__WHAT THE TASK REQUIRES__
Find the word "IFCINDEXEDPOLYGONALFACE" in the data, then copy each line where it is found.

__RECORDS FOR THIS EXERCISE__
┌──
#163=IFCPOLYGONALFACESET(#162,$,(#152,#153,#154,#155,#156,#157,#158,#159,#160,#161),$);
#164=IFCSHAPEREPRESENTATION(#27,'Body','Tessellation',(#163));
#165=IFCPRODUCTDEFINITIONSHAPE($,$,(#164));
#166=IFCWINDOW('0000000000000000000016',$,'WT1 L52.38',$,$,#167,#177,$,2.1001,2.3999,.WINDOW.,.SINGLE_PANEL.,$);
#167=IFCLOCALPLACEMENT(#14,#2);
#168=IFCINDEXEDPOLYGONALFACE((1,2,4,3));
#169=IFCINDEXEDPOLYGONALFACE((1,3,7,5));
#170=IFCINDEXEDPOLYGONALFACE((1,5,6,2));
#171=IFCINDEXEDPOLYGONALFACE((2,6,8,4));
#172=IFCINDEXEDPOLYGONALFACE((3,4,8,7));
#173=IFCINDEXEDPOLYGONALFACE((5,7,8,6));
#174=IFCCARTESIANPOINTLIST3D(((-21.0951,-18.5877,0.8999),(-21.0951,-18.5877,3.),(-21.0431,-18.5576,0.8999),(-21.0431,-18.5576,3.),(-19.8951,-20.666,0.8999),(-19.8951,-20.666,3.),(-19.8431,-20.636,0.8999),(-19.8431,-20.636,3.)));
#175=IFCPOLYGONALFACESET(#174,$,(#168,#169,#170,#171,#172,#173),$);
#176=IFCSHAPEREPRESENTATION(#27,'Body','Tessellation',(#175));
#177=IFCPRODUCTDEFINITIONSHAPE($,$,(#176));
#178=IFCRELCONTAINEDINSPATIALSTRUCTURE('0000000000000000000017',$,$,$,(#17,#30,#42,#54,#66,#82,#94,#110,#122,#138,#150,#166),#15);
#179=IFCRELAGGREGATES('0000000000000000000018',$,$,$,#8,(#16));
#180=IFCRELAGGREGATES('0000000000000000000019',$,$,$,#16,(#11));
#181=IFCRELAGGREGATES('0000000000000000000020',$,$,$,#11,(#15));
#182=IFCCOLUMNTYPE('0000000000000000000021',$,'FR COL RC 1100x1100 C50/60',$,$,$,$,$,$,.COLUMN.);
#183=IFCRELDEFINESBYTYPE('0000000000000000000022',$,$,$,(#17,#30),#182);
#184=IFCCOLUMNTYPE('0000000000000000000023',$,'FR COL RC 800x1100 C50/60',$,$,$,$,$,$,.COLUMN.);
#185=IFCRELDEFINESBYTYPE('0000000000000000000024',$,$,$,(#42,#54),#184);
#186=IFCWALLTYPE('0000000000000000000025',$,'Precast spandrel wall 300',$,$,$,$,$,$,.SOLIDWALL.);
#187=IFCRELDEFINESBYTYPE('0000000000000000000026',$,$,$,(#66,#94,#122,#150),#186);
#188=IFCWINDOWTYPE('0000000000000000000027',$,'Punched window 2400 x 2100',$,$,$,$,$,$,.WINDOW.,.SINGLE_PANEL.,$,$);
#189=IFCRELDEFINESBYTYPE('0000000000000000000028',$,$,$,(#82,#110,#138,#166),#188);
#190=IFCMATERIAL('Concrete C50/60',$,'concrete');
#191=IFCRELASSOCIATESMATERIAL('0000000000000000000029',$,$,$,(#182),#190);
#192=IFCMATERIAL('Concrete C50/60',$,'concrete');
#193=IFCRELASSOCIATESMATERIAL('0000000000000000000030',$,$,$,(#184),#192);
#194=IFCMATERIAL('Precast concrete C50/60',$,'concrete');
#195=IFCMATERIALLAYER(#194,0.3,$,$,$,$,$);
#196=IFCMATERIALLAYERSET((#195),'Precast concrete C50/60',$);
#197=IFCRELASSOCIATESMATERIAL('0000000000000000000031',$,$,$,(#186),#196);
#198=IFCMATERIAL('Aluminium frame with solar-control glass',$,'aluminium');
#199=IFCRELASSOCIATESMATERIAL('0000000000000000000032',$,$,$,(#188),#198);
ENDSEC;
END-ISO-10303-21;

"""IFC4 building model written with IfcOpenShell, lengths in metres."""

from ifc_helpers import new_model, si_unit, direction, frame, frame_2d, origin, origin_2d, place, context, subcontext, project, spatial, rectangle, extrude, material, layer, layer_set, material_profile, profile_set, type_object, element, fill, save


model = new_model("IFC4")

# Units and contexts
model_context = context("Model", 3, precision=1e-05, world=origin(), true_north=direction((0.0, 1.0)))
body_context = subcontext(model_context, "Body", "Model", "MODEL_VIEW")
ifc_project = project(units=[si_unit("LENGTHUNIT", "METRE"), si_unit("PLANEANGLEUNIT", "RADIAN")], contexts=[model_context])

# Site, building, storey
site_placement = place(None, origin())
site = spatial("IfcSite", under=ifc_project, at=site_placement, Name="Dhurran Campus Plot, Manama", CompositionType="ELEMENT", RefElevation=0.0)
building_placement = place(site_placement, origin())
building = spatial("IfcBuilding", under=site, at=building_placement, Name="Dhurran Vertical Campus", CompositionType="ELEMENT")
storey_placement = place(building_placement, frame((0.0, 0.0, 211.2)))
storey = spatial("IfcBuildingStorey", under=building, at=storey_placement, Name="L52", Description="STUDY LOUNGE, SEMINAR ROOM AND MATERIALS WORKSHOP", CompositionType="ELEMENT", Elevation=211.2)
└──
__FINAL ANSWER__
#168=IFCINDEXEDPOLYGONALFACE((1,2,4,3));
#169=IFCINDEXEDPOLYGONALFACE((1,3,7,5));
#170=IFCINDEXEDPOLYGONALFACE((1,5,6,2));
#171=IFCINDEXEDPOLYGONALFACE((2,6,8,4));
#172=IFCINDEXEDPOLYGONALFACE((3,4,8,7));
#173=IFCINDEXEDPOLYGONALFACE((5,7,8,6));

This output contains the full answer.